* _What needs to be done_
Word for word, transcribe the data below from the line with "site_placement = place(None, origin())" to the line with "frame((0.0, 0.0, -5.3999)))", keeping both of those lines.

Saved data entries:

────────────────────

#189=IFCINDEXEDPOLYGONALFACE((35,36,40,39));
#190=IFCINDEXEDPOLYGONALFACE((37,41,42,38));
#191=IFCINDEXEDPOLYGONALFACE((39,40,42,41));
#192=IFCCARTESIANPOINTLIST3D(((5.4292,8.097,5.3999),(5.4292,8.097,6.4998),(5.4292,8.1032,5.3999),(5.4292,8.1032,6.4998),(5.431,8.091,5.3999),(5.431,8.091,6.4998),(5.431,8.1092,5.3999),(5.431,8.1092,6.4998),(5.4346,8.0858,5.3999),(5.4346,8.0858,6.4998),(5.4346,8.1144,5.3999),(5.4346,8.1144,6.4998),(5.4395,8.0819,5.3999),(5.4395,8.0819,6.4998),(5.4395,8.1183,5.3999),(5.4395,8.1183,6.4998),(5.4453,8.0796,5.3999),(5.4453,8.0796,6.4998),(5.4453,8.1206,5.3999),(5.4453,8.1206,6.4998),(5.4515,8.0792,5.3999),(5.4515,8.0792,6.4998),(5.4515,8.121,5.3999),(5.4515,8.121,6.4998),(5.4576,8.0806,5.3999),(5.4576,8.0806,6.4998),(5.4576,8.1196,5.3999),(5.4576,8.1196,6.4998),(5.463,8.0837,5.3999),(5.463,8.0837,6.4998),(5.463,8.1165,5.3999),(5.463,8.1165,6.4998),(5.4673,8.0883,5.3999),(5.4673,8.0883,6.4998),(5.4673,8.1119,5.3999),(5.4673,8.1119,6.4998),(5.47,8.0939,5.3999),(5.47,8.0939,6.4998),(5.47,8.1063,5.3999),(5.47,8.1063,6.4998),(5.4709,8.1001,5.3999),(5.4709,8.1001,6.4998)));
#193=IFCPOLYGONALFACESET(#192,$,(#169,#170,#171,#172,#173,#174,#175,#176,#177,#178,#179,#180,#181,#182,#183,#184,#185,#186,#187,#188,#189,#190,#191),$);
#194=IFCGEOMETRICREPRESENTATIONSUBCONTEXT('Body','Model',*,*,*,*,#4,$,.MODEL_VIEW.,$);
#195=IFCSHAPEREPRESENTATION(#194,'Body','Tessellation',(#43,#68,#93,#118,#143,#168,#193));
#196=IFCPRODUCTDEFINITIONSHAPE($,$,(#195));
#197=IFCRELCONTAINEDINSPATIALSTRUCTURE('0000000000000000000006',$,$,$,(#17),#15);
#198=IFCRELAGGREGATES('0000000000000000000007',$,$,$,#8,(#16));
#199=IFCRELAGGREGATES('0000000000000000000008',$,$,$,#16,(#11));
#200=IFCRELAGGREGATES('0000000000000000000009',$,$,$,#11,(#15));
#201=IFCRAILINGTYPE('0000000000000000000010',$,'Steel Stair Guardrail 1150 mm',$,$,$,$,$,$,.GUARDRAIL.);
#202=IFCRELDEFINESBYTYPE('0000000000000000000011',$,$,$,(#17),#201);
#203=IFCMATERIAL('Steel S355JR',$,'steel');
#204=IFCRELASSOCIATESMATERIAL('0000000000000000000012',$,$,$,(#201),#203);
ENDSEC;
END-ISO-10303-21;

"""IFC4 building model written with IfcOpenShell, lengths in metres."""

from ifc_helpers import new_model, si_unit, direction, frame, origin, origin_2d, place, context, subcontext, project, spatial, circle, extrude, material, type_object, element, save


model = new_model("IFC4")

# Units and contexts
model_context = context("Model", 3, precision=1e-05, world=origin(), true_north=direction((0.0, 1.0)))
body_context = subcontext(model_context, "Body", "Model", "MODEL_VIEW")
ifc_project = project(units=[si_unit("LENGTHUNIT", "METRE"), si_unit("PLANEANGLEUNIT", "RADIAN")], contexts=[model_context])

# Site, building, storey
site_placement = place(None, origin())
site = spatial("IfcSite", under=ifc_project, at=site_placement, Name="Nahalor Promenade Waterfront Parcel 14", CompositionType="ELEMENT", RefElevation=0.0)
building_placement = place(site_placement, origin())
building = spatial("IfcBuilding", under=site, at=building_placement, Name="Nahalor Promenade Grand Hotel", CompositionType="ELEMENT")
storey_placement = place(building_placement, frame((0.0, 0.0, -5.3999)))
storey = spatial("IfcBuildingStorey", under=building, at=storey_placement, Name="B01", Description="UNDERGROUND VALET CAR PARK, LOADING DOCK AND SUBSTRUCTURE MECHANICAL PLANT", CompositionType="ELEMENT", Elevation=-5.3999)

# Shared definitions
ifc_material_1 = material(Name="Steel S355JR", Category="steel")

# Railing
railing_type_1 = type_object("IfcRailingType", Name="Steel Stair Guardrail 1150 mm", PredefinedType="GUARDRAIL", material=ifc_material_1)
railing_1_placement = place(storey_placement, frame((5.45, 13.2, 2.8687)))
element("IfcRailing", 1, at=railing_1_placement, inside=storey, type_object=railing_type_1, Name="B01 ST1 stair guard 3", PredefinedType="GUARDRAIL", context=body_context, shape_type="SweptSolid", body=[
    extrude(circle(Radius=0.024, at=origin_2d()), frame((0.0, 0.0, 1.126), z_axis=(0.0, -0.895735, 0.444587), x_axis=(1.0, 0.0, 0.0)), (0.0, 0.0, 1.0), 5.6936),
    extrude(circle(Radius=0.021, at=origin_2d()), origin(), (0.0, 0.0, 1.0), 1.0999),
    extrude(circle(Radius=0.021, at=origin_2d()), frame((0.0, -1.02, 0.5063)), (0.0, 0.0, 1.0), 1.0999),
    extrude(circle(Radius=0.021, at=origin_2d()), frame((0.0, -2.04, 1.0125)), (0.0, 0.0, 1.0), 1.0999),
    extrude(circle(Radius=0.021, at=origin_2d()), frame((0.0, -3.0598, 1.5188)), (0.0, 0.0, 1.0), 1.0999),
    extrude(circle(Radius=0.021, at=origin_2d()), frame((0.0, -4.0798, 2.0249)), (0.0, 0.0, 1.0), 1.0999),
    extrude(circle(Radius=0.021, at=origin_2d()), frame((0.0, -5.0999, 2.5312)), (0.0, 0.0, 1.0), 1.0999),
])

────────────────────

* _Response to this exercise_
site_placement = place(None, origin())
site = spatial("IfcSite", under=ifc_project, at=site_placement, Name="Nahalor Promenade Waterfront Parcel 14", CompositionType="ELEMENT", RefElevation=0.0)
building_placement = place(site_placement, origin())
building = spatial("IfcBuilding", under=site, at=building_placement, Name="Nahalor Promenade Grand Hotel", CompositionType="ELEMENT")
storey_placement = place(building_placement, frame((0.0, 0.0, -5.3999)))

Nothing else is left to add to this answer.